Provided data -
*** Block opens ***

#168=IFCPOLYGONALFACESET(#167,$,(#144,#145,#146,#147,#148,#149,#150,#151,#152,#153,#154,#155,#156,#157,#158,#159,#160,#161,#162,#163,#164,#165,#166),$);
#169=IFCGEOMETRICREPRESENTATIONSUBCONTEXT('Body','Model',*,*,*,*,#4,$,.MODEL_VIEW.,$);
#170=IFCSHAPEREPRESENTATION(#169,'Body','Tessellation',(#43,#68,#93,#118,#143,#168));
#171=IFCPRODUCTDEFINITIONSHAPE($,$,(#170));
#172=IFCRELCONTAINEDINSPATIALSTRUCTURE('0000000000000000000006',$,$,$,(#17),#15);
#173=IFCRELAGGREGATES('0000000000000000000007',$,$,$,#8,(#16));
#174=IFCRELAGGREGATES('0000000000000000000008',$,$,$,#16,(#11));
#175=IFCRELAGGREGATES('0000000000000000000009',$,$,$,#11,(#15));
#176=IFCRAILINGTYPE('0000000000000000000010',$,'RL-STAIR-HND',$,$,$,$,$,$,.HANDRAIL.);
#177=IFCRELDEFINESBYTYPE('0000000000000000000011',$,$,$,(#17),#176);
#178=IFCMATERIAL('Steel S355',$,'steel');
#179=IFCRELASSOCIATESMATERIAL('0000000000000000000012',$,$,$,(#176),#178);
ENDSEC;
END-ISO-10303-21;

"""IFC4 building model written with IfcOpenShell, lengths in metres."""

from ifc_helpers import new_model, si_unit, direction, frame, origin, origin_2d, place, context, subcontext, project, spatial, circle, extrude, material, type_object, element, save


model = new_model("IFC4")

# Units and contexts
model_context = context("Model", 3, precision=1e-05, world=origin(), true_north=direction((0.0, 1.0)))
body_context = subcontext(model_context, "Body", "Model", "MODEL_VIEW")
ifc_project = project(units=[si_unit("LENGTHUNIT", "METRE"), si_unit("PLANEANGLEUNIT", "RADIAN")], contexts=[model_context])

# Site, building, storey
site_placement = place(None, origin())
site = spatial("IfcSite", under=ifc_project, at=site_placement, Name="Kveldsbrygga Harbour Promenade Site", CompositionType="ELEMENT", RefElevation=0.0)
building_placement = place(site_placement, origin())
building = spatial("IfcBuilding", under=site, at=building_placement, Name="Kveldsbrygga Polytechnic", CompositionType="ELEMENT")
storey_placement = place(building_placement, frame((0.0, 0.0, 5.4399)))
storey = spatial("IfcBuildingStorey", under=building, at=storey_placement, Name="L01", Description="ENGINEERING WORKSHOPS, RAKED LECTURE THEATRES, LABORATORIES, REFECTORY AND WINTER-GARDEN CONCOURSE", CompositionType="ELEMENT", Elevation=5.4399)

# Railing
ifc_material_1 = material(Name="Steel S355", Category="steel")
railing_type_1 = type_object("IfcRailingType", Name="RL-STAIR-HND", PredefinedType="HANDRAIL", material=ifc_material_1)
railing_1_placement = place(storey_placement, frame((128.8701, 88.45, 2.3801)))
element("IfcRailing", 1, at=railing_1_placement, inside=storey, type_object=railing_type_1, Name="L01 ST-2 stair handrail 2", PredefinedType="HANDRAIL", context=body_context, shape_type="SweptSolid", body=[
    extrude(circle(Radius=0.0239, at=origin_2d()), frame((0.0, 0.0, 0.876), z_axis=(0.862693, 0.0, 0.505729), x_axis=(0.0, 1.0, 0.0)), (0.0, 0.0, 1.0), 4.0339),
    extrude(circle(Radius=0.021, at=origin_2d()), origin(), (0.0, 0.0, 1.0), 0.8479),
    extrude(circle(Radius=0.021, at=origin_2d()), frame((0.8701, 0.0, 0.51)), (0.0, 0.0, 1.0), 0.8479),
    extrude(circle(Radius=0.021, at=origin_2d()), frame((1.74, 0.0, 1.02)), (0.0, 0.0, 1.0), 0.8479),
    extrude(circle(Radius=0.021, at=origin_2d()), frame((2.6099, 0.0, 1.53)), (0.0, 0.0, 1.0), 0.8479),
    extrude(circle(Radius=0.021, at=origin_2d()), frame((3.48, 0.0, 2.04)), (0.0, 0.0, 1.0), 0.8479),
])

*** Block closes ***
*** Block opens ***

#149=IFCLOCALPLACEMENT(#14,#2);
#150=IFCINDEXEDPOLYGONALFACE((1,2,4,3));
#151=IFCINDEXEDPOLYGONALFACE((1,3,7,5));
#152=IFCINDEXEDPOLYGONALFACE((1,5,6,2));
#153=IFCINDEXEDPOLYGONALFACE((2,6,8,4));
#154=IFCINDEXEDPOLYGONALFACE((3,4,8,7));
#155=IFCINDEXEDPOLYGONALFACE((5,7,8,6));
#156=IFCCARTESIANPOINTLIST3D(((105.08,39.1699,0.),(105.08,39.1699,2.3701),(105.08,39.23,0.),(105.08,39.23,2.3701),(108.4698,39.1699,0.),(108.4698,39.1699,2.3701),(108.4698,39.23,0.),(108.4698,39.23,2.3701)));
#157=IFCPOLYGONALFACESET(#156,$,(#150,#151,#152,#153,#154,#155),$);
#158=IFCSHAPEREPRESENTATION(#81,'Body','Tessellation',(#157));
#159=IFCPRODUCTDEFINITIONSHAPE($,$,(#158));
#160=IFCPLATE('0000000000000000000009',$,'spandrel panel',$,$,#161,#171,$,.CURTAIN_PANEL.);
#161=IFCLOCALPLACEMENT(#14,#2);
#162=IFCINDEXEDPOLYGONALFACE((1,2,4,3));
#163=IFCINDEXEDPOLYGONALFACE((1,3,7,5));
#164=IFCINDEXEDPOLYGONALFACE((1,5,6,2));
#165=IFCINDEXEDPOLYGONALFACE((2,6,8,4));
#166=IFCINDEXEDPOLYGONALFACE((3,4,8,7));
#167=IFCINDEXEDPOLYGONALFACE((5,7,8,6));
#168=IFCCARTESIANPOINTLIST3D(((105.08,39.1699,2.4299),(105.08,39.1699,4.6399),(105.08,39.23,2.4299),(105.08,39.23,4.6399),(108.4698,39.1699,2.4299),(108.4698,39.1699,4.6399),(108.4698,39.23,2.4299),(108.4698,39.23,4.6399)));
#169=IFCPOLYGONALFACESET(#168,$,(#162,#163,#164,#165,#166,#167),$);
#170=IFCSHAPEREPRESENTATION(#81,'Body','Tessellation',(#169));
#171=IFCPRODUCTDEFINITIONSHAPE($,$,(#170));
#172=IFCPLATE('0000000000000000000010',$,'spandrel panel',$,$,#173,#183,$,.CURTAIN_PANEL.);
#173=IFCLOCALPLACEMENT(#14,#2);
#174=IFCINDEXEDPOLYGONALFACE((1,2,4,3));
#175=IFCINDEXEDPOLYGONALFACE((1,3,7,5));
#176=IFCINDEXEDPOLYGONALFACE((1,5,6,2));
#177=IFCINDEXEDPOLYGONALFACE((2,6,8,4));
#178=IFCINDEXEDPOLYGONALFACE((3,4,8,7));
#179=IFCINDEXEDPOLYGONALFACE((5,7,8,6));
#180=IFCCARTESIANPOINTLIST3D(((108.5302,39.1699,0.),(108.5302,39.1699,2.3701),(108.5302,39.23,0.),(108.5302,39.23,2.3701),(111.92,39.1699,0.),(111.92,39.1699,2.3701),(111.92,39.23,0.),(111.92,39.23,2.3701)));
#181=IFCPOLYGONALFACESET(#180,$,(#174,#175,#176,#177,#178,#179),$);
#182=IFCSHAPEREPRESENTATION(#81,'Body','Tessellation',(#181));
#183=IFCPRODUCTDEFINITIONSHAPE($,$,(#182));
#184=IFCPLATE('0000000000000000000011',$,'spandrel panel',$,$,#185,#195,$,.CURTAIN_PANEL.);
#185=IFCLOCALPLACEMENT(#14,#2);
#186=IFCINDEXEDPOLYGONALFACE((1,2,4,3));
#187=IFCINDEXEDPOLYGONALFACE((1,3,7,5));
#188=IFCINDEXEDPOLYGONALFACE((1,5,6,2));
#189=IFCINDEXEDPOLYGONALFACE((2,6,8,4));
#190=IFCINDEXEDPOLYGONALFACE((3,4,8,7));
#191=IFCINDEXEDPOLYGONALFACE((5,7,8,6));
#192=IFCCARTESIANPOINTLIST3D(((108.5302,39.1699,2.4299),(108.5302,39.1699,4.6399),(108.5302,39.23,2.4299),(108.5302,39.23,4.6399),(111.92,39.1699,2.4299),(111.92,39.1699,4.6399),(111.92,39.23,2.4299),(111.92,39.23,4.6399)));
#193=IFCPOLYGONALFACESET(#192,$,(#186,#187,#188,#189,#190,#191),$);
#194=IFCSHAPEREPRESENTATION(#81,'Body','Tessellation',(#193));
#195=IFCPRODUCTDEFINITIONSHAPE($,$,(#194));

*** Block closes ***

Exercise -
Scan the lines above for "# Units and contexts" and for "frame((128.8701, 88.45, 2.3801)))". Repeat exactly the line holding each of them and every line in between.

Task result -
# Units and contexts
model_context = context("Model", 3, precision=1e-05, world=origin(), true_north=direction((0.0, 1.0)))
body_context = subcontext(model_context, "Body", "Model", "MODEL_VIEW")
ifc_project = project(units=[si_unit("LENGTHUNIT", "METRE"), si_unit("PLANEANGLEUNIT", "RADIAN")], contexts=[model_context])

# Site, building, storey
site_placement = place(None, origin())
site = spatial("IfcSite", under=ifc_project, at=site_placement, Name="Kveldsbrygga Harbour Promenade Site", CompositionType="ELEMENT", RefElevation=0.0)
building_placement = place(site_placement, origin())
building = spatial("IfcBuilding", under=site, at=building_placement, Name="Kveldsbrygga Polytechnic", CompositionType="ELEMENT")
storey_placement = place(building_placement, frame((0.0, 0.0, 5.4399)))
storey = spatial("IfcBuildingStorey", under=building, at=storey_placement, Name="L01", Description="ENGINEERING WORKSHOPS, RAKED LECTURE THEATRES, LABORATORIES, REFECTORY AND WINTER-GARDEN CONCOURSE", CompositionType="ELEMENT", Elevation=5.4399)

# Railing
ifc_material_1 = material(Name="Steel S355", Category="steel")
railing_type_1 = type_object("IfcRailingType", Name="RL-STAIR-HND", PredefinedType="HANDRAIL", material=ifc_material_1)
railing_1_placement = place(storey_placement, frame((128.8701, 88.45, 2.3801)))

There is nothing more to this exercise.